• Activity: Return only that part of the material below which starts with the line containing "#62=IFCWALL('0000000000000000000006',$,'L36 Internal Partition" and goes on through the line containing "#68=IFCINDEXEDPOLYGONALFACE((3,4,16,15,11,12,8,7));", restated exactly.

• Input records:
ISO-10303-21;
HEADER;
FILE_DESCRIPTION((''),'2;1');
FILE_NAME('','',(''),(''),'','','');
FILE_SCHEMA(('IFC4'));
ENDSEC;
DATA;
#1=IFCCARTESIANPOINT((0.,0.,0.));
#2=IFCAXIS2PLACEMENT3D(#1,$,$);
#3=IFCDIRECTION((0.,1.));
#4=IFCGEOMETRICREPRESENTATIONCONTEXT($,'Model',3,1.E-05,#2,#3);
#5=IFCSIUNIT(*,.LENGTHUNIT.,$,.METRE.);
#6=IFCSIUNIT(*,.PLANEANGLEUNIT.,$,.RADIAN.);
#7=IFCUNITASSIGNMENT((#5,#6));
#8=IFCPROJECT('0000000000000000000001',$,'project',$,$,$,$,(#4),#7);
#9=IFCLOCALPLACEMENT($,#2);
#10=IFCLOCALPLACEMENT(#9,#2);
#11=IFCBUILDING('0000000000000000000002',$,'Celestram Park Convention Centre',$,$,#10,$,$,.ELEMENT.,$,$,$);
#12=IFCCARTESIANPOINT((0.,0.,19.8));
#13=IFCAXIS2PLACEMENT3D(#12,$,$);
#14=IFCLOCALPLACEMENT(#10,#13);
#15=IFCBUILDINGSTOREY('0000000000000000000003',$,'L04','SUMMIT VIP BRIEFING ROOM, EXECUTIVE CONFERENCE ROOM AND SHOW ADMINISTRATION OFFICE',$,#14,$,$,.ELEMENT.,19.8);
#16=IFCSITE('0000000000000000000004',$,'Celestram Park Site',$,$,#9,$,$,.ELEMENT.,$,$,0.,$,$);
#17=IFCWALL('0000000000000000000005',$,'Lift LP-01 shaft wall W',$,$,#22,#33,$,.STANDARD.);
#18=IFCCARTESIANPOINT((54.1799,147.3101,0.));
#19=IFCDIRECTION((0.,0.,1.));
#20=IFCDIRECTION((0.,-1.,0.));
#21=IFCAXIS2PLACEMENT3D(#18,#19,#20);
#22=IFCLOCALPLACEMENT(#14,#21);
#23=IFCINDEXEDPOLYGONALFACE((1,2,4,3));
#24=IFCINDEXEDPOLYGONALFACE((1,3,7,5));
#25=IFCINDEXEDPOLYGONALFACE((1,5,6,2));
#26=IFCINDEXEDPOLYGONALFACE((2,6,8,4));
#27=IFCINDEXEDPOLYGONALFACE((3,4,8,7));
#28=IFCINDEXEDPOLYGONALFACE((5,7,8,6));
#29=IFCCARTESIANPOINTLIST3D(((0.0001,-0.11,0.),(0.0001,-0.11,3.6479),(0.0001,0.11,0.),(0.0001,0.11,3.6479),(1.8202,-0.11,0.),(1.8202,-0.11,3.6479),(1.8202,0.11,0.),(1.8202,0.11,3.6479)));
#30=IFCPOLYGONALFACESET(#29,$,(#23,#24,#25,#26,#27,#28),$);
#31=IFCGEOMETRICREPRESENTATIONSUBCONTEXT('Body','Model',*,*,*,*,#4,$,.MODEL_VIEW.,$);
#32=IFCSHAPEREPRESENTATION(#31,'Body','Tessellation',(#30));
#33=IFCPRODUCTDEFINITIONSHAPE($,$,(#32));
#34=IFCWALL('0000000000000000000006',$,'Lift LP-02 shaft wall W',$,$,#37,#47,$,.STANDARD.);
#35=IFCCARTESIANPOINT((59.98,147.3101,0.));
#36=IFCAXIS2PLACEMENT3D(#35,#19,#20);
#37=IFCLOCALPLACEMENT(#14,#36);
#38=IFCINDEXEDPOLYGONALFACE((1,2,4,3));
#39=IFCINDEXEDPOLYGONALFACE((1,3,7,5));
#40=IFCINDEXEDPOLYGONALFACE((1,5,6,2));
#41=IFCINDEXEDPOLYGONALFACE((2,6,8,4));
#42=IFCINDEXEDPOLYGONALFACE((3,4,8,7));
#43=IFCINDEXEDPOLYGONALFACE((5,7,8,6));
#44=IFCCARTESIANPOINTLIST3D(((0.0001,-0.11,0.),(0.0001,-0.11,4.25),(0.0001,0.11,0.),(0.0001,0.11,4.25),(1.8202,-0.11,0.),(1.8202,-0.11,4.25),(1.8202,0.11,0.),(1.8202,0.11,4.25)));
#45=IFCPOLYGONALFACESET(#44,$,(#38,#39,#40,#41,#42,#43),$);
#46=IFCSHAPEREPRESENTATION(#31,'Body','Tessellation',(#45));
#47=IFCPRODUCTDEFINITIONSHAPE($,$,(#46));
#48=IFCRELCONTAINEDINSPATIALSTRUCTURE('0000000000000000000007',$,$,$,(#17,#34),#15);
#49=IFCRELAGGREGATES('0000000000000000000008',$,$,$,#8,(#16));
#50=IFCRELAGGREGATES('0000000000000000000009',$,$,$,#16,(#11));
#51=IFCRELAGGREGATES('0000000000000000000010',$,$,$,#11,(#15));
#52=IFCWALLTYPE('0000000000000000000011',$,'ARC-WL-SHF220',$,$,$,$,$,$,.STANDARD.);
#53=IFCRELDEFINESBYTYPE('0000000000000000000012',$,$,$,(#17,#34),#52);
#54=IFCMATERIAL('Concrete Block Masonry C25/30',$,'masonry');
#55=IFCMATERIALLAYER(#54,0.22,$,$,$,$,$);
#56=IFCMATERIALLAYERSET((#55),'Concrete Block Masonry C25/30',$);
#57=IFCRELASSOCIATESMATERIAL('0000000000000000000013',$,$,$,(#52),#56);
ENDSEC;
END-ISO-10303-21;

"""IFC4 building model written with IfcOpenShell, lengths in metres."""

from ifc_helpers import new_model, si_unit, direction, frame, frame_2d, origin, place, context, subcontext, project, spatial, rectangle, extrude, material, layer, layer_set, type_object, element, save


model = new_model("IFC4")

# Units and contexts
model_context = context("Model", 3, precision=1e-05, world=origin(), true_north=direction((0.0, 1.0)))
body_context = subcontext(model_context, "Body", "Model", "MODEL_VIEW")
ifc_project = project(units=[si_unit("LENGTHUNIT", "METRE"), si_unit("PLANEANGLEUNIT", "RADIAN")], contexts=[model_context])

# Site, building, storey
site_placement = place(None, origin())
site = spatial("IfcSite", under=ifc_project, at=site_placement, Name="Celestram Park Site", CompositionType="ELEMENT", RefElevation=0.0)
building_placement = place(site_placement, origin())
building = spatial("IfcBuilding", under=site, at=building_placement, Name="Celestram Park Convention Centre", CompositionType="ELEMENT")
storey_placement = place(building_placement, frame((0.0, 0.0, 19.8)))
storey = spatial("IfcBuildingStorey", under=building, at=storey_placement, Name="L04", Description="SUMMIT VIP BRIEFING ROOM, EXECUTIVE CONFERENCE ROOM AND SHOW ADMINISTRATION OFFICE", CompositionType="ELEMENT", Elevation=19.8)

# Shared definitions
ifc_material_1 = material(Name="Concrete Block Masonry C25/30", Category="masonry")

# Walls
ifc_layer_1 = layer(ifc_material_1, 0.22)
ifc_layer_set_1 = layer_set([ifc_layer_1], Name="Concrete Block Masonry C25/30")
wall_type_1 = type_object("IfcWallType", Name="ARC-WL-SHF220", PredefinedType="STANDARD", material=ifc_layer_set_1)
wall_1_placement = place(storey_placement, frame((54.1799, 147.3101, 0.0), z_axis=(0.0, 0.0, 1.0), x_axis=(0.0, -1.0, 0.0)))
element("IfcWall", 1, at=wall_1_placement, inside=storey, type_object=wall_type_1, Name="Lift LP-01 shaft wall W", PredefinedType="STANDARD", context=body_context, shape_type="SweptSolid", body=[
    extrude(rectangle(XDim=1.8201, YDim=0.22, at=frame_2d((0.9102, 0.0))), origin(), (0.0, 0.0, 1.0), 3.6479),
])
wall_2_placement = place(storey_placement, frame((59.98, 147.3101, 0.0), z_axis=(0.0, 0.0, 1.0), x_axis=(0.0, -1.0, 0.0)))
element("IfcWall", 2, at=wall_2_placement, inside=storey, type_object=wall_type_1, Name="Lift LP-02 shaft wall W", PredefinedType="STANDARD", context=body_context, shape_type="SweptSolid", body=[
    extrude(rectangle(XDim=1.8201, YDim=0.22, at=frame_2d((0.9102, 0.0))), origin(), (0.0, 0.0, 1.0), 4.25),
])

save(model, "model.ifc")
...
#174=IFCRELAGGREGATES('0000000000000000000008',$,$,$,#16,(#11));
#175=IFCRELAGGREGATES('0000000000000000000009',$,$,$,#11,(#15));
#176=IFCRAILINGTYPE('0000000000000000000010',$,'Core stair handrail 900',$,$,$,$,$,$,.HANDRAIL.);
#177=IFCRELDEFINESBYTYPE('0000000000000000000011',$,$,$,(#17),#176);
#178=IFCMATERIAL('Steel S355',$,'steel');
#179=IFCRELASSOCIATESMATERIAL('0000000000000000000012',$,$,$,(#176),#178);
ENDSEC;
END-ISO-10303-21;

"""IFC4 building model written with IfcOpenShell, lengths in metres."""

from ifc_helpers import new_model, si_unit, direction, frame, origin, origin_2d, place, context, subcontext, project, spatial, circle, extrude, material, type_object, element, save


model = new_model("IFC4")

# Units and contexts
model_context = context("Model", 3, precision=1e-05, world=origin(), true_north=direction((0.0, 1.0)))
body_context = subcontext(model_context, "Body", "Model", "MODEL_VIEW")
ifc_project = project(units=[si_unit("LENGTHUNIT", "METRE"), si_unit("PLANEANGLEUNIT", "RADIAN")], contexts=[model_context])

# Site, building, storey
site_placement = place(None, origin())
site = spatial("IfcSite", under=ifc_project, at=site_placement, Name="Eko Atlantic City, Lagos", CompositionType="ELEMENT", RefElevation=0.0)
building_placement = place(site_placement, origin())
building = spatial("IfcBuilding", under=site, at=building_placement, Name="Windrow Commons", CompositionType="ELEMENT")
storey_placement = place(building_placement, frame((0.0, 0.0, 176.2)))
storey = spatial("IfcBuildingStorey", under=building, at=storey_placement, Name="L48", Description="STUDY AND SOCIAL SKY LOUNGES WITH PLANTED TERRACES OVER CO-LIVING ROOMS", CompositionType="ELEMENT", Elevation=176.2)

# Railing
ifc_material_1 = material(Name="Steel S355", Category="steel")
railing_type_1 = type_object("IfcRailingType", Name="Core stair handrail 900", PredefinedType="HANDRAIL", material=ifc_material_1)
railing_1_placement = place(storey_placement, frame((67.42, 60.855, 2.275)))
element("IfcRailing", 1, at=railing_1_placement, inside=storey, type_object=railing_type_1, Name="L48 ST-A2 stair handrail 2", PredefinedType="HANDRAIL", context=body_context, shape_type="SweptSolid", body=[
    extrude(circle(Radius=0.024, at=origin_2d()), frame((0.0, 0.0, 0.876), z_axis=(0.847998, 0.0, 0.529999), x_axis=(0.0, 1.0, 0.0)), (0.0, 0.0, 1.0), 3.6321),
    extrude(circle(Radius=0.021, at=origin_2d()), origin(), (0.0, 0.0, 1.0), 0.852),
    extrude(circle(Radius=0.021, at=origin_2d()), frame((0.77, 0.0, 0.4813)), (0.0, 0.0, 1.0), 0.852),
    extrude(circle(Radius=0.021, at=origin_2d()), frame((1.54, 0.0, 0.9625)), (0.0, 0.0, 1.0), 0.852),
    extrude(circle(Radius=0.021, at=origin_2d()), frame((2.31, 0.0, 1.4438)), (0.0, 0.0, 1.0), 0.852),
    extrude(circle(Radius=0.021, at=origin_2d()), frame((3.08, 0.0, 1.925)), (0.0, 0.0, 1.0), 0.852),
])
---
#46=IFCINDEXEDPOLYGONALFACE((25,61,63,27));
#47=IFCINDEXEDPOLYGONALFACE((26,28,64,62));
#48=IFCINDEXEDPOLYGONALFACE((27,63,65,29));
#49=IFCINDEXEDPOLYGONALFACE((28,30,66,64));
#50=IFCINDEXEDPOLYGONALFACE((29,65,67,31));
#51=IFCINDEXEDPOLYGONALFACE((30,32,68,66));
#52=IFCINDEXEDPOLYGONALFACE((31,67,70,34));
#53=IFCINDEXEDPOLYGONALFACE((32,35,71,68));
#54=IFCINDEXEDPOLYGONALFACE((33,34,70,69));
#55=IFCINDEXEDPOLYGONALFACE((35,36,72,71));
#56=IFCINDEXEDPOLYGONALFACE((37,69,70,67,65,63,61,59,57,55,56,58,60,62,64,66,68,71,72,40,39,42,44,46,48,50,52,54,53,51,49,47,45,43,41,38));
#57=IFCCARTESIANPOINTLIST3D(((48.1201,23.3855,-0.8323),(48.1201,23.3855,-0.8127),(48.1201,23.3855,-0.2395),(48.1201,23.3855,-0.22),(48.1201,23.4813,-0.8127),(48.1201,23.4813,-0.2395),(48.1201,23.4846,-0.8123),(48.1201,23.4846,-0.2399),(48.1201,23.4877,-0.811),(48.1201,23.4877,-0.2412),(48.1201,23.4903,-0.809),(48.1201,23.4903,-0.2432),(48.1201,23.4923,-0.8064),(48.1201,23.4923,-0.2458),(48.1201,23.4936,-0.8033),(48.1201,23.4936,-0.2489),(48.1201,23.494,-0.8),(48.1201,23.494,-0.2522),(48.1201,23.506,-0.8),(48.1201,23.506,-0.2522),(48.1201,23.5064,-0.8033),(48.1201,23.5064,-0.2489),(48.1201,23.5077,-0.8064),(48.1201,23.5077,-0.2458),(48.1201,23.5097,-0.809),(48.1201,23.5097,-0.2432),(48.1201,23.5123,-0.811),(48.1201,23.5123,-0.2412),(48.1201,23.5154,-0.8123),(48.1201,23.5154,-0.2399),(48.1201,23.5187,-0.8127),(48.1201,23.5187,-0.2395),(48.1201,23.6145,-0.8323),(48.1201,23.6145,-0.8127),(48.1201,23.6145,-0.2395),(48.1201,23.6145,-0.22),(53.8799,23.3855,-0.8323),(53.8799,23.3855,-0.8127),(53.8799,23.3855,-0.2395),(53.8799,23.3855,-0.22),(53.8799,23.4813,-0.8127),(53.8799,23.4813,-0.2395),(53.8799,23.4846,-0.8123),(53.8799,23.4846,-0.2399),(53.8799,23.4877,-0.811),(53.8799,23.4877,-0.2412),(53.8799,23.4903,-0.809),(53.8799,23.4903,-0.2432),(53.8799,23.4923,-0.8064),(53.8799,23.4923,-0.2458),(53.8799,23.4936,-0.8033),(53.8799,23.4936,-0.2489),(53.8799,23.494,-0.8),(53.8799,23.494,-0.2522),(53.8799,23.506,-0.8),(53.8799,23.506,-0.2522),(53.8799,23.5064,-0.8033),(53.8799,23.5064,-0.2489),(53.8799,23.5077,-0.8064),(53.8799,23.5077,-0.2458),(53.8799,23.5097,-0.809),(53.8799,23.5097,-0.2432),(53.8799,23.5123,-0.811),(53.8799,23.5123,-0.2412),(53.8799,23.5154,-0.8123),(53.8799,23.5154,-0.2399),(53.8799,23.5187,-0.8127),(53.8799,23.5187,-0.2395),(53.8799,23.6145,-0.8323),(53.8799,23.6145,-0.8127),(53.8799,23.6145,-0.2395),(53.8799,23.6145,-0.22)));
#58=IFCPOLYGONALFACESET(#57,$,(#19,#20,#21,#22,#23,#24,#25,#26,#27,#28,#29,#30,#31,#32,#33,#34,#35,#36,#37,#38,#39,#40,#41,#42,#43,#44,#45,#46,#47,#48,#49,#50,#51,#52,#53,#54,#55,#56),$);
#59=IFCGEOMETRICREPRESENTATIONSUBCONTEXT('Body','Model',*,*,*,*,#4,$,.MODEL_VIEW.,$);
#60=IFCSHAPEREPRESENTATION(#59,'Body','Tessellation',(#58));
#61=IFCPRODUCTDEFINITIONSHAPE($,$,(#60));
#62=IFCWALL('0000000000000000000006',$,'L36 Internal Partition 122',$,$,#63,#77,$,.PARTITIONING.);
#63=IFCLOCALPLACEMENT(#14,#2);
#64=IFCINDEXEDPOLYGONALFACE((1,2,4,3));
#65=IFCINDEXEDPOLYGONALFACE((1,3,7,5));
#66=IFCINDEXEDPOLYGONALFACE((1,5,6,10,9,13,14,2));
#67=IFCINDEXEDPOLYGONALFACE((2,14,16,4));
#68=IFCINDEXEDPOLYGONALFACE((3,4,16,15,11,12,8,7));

• Written solution:
#62=IFCWALL('0000000000000000000006',$,'L36 Internal Partition 122',$,$,#63,#77,$,.PARTITIONING.);
#63=IFCLOCALPLACEMENT(#14,#2);
#64=IFCINDEXEDPOLYGONALFACE((1,2,4,3));
#65=IFCINDEXEDPOLYGONALFACE((1,3,7,5));
#66=IFCINDEXEDPOLYGONALFACE((1,5,6,10,9,13,14,2));
#67=IFCINDEXEDPOLYGONALFACE((2,14,16,4));
#68=IFCINDEXEDPOLYGONALFACE((3,4,16,15,11,12,8,7));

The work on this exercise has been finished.